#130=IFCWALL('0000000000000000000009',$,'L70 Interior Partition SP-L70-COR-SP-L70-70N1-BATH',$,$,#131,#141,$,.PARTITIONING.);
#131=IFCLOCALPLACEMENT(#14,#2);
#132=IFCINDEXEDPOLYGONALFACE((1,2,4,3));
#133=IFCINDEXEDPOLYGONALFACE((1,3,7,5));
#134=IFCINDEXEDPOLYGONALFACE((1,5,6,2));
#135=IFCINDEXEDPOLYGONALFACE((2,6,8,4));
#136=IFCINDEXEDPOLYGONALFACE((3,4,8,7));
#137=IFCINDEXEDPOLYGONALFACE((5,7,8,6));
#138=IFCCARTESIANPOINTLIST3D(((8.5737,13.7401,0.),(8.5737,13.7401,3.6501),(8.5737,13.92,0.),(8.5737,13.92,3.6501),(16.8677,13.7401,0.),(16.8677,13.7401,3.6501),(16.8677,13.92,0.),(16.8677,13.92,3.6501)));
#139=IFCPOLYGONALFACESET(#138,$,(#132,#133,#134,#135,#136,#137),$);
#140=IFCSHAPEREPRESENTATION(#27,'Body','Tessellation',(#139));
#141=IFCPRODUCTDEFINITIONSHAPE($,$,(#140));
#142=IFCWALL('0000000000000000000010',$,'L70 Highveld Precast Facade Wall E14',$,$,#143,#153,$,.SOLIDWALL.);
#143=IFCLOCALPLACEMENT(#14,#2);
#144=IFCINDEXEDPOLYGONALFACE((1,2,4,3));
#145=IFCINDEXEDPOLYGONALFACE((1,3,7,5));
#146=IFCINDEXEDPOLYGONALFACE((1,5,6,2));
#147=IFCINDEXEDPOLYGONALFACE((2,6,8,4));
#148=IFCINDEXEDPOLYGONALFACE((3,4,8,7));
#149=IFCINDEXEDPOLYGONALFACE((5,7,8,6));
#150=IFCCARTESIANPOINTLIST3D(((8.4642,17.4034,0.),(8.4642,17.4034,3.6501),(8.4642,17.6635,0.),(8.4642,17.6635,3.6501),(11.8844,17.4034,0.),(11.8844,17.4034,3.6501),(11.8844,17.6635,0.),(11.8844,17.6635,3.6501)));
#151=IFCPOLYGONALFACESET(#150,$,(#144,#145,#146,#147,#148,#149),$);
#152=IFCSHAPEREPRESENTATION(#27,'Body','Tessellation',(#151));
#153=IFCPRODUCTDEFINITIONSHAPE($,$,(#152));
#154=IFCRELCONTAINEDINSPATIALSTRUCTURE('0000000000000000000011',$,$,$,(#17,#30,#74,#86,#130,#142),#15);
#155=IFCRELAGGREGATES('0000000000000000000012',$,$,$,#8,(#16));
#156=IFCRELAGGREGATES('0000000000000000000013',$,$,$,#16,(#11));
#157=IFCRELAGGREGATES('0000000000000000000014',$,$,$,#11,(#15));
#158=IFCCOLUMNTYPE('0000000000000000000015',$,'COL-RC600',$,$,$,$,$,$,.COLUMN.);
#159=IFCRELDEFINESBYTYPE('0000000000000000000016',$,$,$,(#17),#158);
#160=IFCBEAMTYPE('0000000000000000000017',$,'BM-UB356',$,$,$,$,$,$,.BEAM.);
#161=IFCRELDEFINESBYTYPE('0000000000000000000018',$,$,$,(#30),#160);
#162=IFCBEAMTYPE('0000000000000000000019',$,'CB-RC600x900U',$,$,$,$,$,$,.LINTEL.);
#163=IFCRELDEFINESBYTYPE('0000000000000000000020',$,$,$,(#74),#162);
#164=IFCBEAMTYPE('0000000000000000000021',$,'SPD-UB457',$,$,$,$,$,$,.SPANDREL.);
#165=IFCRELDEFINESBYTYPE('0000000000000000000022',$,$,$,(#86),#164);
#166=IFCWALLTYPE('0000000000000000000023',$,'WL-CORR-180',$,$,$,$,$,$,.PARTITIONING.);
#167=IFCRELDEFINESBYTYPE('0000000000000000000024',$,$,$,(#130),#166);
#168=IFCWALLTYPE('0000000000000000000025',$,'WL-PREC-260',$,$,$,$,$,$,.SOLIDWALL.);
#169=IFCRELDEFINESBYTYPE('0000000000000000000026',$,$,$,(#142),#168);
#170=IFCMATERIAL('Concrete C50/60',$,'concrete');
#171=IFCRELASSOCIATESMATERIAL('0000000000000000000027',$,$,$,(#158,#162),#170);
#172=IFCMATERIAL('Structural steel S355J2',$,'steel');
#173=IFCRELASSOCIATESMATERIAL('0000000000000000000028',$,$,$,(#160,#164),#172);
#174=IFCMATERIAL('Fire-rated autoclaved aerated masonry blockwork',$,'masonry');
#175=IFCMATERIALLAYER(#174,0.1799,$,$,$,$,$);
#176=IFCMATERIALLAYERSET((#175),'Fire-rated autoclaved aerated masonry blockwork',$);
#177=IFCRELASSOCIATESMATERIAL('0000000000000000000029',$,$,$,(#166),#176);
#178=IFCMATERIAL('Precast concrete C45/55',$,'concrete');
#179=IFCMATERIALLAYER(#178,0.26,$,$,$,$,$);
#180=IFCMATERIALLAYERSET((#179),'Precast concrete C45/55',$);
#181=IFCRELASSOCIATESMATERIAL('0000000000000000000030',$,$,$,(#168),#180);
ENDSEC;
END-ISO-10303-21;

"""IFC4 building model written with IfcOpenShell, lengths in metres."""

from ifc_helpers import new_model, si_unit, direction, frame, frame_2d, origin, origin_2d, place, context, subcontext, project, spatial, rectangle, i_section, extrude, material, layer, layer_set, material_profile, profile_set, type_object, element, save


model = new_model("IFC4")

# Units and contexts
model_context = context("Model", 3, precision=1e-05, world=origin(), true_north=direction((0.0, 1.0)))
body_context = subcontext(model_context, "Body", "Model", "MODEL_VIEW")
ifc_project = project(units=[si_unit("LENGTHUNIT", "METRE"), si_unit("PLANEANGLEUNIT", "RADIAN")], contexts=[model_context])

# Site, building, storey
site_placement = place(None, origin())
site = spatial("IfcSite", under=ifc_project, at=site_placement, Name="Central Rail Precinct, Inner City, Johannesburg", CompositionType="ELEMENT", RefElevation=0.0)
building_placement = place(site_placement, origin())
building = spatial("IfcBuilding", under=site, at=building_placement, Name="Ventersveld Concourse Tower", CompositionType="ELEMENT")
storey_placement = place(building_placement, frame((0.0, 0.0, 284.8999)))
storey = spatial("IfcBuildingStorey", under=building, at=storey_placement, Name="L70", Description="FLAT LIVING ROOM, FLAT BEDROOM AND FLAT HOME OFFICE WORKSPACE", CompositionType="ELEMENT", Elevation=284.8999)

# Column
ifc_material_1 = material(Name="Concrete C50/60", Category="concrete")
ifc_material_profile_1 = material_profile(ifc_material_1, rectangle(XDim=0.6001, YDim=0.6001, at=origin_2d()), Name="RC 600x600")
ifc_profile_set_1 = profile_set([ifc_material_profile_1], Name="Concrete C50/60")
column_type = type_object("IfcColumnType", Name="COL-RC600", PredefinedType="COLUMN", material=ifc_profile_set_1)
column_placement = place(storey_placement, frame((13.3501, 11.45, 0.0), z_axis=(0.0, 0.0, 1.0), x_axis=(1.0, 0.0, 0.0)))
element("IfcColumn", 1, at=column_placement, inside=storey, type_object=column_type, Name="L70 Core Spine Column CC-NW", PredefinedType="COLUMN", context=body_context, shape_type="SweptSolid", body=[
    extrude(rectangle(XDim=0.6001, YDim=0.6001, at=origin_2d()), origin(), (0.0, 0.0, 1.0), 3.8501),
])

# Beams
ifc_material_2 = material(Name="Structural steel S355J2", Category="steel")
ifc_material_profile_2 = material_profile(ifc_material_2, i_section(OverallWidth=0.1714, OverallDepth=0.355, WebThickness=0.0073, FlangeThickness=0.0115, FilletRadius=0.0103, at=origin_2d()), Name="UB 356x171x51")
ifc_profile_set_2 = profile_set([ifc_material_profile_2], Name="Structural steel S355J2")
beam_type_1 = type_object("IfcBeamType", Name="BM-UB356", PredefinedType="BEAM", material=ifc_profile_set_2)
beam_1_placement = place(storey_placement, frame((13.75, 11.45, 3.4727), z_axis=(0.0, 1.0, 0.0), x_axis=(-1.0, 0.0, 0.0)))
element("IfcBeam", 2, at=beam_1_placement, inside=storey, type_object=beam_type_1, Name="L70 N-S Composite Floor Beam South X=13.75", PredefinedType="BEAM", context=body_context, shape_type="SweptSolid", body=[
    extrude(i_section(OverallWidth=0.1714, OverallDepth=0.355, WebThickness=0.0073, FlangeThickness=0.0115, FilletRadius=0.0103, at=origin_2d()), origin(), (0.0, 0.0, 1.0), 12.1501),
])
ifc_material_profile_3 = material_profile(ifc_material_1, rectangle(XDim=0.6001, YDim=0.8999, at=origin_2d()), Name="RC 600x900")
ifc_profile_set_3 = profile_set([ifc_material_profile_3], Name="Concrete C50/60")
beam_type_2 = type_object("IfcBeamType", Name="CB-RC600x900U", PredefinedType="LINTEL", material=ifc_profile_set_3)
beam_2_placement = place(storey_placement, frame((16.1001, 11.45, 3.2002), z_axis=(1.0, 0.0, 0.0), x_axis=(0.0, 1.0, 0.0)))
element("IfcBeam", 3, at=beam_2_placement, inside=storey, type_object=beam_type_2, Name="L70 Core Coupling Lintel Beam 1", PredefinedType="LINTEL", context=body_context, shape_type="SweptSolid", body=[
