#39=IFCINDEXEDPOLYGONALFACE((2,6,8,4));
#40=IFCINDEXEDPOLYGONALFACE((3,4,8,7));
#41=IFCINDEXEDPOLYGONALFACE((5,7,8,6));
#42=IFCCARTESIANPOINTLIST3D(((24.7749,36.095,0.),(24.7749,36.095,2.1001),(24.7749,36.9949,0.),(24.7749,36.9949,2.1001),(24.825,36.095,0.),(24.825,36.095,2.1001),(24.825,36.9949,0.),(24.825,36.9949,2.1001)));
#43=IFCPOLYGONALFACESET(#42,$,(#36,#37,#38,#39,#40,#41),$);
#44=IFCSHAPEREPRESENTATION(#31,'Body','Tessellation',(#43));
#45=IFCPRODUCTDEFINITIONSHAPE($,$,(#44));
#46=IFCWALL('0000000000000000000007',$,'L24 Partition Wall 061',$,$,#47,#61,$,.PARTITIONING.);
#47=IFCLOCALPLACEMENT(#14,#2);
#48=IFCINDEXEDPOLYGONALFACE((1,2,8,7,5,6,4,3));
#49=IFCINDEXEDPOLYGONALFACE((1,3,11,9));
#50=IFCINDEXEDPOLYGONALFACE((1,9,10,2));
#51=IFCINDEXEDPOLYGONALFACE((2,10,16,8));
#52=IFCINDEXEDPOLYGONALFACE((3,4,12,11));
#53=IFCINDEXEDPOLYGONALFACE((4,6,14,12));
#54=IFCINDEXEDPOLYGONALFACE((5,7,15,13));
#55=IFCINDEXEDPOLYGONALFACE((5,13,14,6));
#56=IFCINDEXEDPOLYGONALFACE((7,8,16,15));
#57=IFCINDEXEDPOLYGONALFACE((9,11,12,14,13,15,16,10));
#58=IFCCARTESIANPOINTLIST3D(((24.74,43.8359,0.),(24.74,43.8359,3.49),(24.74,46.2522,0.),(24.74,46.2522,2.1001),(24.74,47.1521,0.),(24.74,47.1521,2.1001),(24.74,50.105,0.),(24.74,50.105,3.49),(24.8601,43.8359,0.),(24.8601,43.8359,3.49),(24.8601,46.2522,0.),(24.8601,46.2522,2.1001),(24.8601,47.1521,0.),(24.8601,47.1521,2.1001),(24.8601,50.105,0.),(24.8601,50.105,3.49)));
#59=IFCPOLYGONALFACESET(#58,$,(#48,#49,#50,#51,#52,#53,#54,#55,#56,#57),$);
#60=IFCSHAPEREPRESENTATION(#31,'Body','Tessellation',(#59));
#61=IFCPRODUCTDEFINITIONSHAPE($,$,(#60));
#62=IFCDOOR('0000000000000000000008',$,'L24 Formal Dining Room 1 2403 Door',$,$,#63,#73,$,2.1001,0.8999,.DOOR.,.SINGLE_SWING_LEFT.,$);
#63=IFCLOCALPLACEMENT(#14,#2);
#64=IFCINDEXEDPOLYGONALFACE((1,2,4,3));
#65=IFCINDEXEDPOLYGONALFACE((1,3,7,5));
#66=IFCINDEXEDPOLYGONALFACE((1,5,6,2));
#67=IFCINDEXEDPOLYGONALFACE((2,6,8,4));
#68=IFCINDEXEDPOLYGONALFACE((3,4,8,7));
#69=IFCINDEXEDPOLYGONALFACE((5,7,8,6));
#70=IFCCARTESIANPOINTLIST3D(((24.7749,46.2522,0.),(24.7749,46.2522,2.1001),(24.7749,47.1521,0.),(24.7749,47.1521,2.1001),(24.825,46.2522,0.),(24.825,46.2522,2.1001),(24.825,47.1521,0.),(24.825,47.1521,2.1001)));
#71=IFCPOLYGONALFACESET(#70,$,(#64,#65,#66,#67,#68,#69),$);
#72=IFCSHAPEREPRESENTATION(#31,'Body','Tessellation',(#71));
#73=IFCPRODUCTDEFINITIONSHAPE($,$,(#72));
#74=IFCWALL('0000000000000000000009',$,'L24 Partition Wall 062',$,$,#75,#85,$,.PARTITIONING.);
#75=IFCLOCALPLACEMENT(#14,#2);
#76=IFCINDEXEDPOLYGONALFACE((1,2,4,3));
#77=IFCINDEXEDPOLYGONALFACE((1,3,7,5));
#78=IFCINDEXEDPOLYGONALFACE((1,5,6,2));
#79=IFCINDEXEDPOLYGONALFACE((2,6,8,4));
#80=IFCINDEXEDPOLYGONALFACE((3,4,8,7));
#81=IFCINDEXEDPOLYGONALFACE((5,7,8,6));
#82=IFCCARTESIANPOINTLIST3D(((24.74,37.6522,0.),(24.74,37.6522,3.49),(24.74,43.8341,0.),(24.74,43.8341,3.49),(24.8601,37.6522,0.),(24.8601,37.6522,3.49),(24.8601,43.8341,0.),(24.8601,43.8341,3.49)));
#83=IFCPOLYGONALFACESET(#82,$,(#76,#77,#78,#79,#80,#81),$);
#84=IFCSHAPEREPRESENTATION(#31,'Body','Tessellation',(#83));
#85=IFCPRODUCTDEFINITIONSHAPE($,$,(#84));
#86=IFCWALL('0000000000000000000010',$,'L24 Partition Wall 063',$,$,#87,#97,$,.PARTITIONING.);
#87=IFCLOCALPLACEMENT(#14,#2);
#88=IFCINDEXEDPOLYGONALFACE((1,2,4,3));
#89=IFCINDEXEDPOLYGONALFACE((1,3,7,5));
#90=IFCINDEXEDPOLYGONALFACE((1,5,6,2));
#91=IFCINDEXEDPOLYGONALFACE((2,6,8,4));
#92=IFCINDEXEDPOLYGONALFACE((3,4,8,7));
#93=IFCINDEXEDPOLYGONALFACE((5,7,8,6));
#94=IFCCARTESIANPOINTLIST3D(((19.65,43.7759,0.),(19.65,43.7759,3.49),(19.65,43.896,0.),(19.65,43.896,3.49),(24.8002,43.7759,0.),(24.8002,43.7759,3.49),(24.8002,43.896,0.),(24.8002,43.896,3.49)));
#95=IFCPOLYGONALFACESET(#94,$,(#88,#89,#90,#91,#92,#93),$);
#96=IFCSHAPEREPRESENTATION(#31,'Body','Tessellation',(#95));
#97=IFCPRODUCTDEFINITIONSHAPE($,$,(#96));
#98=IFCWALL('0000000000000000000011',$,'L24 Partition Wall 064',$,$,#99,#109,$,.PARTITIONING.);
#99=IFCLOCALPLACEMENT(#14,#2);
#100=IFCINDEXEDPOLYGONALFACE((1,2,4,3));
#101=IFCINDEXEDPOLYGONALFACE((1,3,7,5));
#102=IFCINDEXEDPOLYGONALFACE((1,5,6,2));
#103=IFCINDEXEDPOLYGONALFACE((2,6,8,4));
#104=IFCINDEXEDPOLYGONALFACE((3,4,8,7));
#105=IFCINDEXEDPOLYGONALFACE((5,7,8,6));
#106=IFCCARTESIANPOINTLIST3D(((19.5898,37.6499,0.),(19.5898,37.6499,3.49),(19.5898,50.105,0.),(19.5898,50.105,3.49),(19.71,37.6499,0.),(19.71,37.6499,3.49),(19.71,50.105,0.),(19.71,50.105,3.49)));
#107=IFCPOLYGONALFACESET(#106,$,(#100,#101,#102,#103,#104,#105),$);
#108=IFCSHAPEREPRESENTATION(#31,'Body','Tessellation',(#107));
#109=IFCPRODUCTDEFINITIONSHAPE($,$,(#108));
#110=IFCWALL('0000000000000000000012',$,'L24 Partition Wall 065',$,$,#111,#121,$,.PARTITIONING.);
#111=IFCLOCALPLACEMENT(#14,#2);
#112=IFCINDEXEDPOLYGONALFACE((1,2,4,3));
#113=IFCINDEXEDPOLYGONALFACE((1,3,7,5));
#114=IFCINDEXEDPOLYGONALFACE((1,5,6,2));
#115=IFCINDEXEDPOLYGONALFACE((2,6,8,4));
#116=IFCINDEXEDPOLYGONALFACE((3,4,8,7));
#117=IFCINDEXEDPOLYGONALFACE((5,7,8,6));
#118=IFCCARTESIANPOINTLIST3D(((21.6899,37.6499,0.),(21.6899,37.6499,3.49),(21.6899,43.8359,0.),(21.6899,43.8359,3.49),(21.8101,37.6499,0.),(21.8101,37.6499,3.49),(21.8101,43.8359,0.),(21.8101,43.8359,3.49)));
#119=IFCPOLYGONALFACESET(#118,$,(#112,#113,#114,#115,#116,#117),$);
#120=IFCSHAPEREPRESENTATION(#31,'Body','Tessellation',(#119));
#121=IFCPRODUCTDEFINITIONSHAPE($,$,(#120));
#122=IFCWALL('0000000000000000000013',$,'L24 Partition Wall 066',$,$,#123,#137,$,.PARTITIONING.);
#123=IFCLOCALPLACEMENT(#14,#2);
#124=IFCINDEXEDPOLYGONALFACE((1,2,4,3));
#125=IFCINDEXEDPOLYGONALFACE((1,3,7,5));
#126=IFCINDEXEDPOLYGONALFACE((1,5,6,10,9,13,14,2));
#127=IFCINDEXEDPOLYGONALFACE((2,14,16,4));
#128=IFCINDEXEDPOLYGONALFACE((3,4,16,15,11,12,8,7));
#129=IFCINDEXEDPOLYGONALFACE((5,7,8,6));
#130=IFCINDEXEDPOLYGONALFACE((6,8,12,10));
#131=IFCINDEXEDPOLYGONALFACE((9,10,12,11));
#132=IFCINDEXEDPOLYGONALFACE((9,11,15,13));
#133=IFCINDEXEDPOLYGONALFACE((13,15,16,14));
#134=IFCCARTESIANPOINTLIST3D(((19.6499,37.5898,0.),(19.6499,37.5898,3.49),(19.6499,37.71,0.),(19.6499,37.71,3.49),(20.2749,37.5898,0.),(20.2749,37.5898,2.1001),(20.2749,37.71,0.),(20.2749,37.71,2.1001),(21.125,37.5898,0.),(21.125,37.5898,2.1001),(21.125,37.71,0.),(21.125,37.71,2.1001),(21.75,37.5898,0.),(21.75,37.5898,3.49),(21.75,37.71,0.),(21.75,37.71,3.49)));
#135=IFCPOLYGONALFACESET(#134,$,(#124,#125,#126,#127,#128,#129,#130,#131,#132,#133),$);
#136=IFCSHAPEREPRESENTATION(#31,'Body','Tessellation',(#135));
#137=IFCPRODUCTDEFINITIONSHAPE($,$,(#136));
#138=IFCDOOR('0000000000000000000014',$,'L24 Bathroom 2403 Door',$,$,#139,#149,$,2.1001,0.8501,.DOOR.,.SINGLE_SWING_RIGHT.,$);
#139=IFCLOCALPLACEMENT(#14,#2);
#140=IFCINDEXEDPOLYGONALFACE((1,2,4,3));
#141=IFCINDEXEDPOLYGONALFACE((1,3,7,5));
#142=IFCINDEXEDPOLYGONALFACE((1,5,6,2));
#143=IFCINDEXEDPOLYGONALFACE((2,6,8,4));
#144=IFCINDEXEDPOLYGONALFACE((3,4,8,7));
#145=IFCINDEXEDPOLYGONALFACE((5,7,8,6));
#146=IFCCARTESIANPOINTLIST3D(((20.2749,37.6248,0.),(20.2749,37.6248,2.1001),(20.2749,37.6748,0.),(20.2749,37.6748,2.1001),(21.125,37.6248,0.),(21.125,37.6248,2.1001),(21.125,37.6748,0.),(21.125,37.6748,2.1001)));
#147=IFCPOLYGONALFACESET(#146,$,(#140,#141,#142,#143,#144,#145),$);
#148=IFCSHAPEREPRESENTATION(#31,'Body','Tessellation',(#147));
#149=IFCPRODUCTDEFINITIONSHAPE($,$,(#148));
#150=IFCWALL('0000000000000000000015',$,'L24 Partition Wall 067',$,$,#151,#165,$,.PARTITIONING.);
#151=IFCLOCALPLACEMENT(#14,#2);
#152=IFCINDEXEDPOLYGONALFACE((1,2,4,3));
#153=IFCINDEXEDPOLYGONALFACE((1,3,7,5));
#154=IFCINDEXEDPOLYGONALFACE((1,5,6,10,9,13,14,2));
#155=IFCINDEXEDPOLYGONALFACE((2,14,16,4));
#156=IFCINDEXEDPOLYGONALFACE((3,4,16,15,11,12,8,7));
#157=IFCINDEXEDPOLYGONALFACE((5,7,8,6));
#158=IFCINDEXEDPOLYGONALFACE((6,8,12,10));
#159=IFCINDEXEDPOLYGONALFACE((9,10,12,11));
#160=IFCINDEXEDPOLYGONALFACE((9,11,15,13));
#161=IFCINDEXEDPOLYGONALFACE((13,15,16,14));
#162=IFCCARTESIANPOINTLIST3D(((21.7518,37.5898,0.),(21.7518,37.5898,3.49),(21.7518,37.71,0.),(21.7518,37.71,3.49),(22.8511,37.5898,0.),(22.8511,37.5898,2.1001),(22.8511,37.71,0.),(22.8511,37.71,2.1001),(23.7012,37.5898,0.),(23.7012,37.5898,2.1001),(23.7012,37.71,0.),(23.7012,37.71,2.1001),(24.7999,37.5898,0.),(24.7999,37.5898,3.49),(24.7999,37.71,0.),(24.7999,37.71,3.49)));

- [Task directions] When you reach the line containing "#45=IFCPRODUCTDEFINITIONSHAPE($,$,(#44));" in the data above, start copying exactly, and stop after the line containing "#50=IFCINDEXEDPOLYGONALFACE((1,9,10,2));".

- [Your solution]
#45=IFCPRODUCTDEFINITIONSHAPE($,$,(#44));
#46=IFCWALL('0000000000000000000007',$,'L24 Partition Wall 061',$,$,#47,#61,$,.PARTITIONING.);
#47=IFCLOCALPLACEMENT(#14,#2);
#48=IFCINDEXEDPOLYGONALFACE((1,2,8,7,5,6,4,3));
#49=IFCINDEXEDPOLYGONALFACE((1,3,11,9));
#50=IFCINDEXEDPOLYGONALFACE((1,9,10,2));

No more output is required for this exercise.